→ **Task item**: Retype the entries. Match them exactly.

→ **Provided records**:
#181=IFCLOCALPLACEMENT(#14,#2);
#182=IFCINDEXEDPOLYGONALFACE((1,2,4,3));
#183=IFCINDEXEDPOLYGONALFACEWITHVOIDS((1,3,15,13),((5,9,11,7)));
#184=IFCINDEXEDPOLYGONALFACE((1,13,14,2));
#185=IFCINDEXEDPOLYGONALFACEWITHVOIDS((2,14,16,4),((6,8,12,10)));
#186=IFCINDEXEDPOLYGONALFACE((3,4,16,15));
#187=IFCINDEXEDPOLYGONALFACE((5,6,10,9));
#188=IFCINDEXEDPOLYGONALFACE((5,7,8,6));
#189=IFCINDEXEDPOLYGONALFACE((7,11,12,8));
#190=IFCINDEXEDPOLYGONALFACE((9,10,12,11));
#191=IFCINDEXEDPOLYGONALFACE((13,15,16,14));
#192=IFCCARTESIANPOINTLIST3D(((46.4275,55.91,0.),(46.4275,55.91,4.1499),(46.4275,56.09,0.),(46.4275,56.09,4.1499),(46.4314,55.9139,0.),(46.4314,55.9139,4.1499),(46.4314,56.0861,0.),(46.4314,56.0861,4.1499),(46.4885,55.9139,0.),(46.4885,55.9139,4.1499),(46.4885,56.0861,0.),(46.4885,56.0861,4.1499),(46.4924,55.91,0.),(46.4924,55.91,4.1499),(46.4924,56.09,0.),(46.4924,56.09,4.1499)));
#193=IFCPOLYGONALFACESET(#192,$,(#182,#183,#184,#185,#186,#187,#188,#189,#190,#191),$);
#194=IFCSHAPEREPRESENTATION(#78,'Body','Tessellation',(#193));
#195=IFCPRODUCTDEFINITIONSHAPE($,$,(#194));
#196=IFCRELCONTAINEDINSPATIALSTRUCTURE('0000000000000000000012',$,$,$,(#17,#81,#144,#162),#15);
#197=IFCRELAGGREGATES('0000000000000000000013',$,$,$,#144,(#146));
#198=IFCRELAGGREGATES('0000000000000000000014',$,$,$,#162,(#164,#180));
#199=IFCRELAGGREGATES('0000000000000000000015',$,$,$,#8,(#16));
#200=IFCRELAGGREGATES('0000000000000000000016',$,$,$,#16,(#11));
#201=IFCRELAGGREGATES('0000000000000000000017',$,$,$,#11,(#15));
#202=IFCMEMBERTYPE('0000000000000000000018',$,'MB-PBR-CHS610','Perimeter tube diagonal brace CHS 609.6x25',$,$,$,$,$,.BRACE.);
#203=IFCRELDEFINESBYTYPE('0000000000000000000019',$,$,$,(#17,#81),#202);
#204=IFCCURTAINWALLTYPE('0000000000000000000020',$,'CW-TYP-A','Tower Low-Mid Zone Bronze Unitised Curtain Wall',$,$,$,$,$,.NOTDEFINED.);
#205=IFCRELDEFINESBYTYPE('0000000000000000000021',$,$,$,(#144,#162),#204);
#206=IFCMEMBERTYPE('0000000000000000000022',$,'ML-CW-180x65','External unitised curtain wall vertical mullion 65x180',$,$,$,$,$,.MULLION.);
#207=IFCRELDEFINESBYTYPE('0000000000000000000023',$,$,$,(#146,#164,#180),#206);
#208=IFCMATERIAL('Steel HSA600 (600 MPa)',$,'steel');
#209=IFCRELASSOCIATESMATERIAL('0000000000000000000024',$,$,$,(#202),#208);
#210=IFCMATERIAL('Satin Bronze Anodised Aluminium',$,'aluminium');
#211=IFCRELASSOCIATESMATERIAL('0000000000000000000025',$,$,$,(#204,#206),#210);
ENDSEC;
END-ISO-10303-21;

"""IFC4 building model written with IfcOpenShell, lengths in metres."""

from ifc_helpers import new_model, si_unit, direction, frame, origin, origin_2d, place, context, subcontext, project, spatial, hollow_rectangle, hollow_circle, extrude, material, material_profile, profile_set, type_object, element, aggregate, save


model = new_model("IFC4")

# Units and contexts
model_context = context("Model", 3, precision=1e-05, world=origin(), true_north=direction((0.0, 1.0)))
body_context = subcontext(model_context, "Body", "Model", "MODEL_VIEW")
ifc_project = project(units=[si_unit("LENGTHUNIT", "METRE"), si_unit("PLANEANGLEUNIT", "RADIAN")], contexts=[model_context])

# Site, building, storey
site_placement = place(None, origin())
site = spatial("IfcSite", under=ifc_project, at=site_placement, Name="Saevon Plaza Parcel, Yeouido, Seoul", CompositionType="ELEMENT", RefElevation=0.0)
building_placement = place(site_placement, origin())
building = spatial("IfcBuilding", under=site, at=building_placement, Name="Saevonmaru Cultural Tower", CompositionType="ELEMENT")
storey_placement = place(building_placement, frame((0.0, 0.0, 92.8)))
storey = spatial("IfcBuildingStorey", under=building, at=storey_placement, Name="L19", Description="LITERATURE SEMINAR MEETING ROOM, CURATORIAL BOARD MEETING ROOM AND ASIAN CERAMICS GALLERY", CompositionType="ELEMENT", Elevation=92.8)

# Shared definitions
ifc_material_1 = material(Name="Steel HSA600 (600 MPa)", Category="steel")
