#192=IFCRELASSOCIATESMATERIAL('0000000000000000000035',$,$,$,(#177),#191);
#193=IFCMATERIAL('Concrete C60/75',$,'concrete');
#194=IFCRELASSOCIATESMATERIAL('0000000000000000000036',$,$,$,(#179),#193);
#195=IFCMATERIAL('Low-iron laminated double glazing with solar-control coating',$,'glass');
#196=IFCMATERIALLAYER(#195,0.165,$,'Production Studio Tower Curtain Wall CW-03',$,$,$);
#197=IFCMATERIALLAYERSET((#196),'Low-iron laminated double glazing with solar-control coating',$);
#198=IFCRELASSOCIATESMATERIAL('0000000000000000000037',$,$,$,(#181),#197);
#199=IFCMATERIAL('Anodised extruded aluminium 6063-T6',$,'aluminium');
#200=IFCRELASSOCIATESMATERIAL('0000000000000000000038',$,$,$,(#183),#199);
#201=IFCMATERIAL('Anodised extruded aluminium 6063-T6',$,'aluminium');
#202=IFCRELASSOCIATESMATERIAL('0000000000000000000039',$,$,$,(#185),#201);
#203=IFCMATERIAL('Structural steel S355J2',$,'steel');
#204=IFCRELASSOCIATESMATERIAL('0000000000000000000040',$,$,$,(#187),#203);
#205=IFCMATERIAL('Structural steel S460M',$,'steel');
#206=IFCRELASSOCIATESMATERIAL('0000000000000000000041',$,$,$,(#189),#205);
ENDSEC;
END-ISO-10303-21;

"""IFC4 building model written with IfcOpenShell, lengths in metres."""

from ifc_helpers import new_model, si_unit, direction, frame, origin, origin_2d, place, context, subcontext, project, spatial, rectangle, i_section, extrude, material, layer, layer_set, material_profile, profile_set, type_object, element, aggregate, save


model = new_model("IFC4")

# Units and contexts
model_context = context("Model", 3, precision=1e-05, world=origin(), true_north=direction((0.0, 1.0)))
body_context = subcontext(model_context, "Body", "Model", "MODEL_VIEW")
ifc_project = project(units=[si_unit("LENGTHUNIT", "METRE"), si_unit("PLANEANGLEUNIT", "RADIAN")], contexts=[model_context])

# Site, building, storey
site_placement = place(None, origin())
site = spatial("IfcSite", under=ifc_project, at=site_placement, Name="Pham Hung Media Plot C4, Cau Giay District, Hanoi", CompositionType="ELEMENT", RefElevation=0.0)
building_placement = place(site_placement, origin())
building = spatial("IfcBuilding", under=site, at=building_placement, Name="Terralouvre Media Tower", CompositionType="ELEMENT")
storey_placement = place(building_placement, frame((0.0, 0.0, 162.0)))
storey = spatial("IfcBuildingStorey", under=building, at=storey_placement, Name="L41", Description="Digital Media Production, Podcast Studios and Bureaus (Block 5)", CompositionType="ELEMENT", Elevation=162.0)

→ **The completed task**:
#181=IFCLOCALPLACEMENT(#14,#2);
#182=IFCINDEXEDPOLYGONALFACE((1,2,4,3));
#183=IFCINDEXEDPOLYGONALFACEWITHVOIDS((1,3,15,13),((5,9,11,7)));
#184=IFCINDEXEDPOLYGONALFACE((1,13,14,2));
#185=IFCINDEXEDPOLYGONALFACEWITHVOIDS((2,14,16,4),((6,8,12,10)));
#186=IFCINDEXEDPOLYGONALFACE((3,4,16,15));
#187=IFCINDEXEDPOLYGONALFACE((5,6,10,9));
#188=IFCINDEXEDPOLYGONALFACE((5,7,8,6));
#189=IFCINDEXEDPOLYGONALFACE((7,11,12,8));
#190=IFCINDEXEDPOLYGONALFACE((9,10,12,11));
#191=IFCINDEXEDPOLYGONALFACE((13,15,16,14));
#192=IFCCARTESIANPOINTLIST3D(((46.4275,55.91,0.),(46.4275,55.91,4.1499),(46.4275,56.09,0.),(46.4275,56.09,4.1499),(46.4314,55.9139,0.),(46.4314,55.9139,4.1499),(46.4314,56.0861,0.),(46.4314,56.0861,4.1499),(46.4885,55.9139,0.),(46.4885,55.9139,4.1499),(46.4885,56.0861,0.),(46.4885,56.0861,4.1499),(46.4924,55.91,0.),(46.4924,55.91,4.1499),(46.4924,56.09,0.),(46.4924,56.09,4.1499)));
#193=IFCPOLYGONALFACESET(#192,$,(#182,#183,#184,#185,#186,#187,#188,#189,#190,#191),$);
#194=IFCSHAPEREPRESENTATION(#78,'Body','Tessellation',(#193));
#195=IFCPRODUCTDEFINITIONSHAPE($,$,(#194));
#196=IFCRELCONTAINEDINSPATIALSTRUCTURE('0000000000000000000012',$,$,$,(#17,#81,#144,#162),#15);
#197=IFCRELAGGREGATES('0000000000000000000013',$,$,$,#144,(#146));
#198=IFCRELAGGREGATES('0000000000000000000014',$,$,$,#162,(#164,#180));
#199=IFCRELAGGREGATES('0000000000000000000015',$,$,$,#8,(#16));
#200=IFCRELAGGREGATES('0000000000000000000016',$,$,$,#16,(#11));
#201=IFCRELAGGREGATES('0000000000000000000017',$,$,$,#11,(#15));
#202=IFCMEMBERTYPE('0000000000000000000018',$,'MB-PBR-CHS610','Perimeter tube diagonal brace CHS 609.6x25',$,$,$,$,$,.BRACE.);
#203=IFCRELDEFINESBYTYPE('0000000000000000000019',$,$,$,(#17,#81),#202);
#204=IFCCURTAINWALLTYPE('0000000000000000000020',$,'CW-TYP-A','Tower Low-Mid Zone Bronze Unitised Curtain Wall',$,$,$,$,$,.NOTDEFINED.);
#205=IFCRELDEFINESBYTYPE('0000000000000000000021',$,$,$,(#144,#162),#204);
#206=IFCMEMBERTYPE('0000000000000000000022',$,'ML-CW-180x65','External unitised curtain wall vertical mullion 65x180',$,$,$,$,$,.MULLION.);
#207=IFCRELDEFINESBYTYPE('0000000000000000000023',$,$,$,(#146,#164,#180),#206);
#208=IFCMATERIAL('Steel HSA600 (600 MPa)',$,'steel');
#209=IFCRELASSOCIATESMATERIAL('0000000000000000000024',$,$,$,(#202),#208);
#210=IFCMATERIAL('Satin Bronze Anodised Aluminium',$,'aluminium');
#211=IFCRELASSOCIATESMATERIAL('0000000000000000000025',$,$,$,(#204,#206),#210);
ENDSEC;
END-ISO-10303-21;

"""IFC4 building model written with IfcOpenShell, lengths in metres."""

from ifc_helpers import new_model, si_unit, direction, frame, origin, origin_2d, place, context, subcontext, project, spatial, hollow_rectangle, hollow_circle, extrude, material, material_profile, profile_set, type_object, element, aggregate, save


model = new_model("IFC4")

# Units and contexts
model_context = context("Model", 3, precision=1e-05, world=origin(), true_north=direction((0.0, 1.0)))
body_context = subcontext(model_context, "Body", "Model", "MODEL_VIEW")
ifc_project = project(units=[si_unit("LENGTHUNIT", "METRE"), si_unit("PLANEANGLEUNIT", "RADIAN")], contexts=[model_context])

# Site, building, storey
site_placement = place(None, origin())
site = spatial("IfcSite", under=ifc_project, at=site_placement, Name="Saevon Plaza Parcel, Yeouido, Seoul", CompositionType="ELEMENT", RefElevation=0.0)
building_placement = place(site_placement, origin())
building = spatial("IfcBuilding", under=site, at=building_placement, Name="Saevonmaru Cultural Tower", CompositionType="ELEMENT")
storey_placement = place(building_placement, frame((0.0, 0.0, 92.8)))
storey = spatial("IfcBuildingStorey", under=building, at=storey_placement, Name="L19", Description="LITERATURE SEMINAR MEETING ROOM, CURATORIAL BOARD MEETING ROOM AND ASIAN CERAMICS GALLERY", CompositionType="ELEMENT", Elevation=92.8)

# Shared definitions
ifc_material_1 = material(Name="Steel HSA600 (600 MPa)", Category="steel")
#192=IFCRELASSOCIATESMATERIAL('0000000000000000000035',$,$,$,(#177),#191);
#193=IFCMATERIAL('Concrete C60/75',$,'concrete');
#194=IFCRELASSOCIATESMATERIAL('0000000000000000000036',$,$,$,(#179),#193);
#195=IFCMATERIAL('Low-iron laminated double glazing with solar-control coating',$,'glass');
#196=IFCMATERIALLAYER(#195,0.165,$,'Production Studio Tower Curtain Wall CW-03',$,$,$);
#197=IFCMATERIALLAYERSET((#196),'Low-iron laminated double glazing with solar-control coating',$);
#198=IFCRELASSOCIATESMATERIAL('0000000000000000000037',$,$,$,(#181),#197);
#199=IFCMATERIAL('Anodised extruded aluminium 6063-T6',$,'aluminium');
#200=IFCRELASSOCIATESMATERIAL('0000000000000000000038',$,$,$,(#183),#199);
#201=IFCMATERIAL('Anodised extruded aluminium 6063-T6',$,'aluminium');
#202=IFCRELASSOCIATESMATERIAL('0000000000000000000039',$,$,$,(#185),#201);
#203=IFCMATERIAL('Structural steel S355J2',$,'steel');
#204=IFCRELASSOCIATESMATERIAL('0000000000000000000040',$,$,$,(#187),#203);
#205=IFCMATERIAL('Structural steel S460M',$,'steel');
#206=IFCRELASSOCIATESMATERIAL('0000000000000000000041',$,$,$,(#189),#205);
ENDSEC;
END-ISO-10303-21;

"""IFC4 building model written with IfcOpenShell, lengths in metres."""

from ifc_helpers import new_model, si_unit, direction, frame, origin, origin_2d, place, context, subcontext, project, spatial, rectangle, i_section, extrude, material, layer, layer_set, material_profile, profile_set, type_object, element, aggregate, save


model = new_model("IFC4")

# Units and contexts
model_context = context("Model", 3, precision=1e-05, world=origin(), true_north=direction((0.0, 1.0)))
body_context = subcontext(model_context, "Body", "Model", "MODEL_VIEW")
ifc_project = project(units=[si_unit("LENGTHUNIT", "METRE"), si_unit("PLANEANGLEUNIT", "RADIAN")], contexts=[model_context])

# Site, building, storey
site_placement = place(None, origin())
site = spatial("IfcSite", under=ifc_project, at=site_placement, Name="Pham Hung Media Plot C4, Cau Giay District, Hanoi", CompositionType="ELEMENT", RefElevation=0.0)
building_placement = place(site_placement, origin())
building = spatial("IfcBuilding", under=site, at=building_placement, Name="Terralouvre Media Tower", CompositionType="ELEMENT")
storey_placement = place(building_placement, frame((0.0, 0.0, 162.0)))
storey = spatial("IfcBuildingStorey", under=building, at=storey_placement, Name="L41", Description="Digital Media Production, Podcast Studios and Bureaus (Block 5)", CompositionType="ELEMENT", Elevation=162.0)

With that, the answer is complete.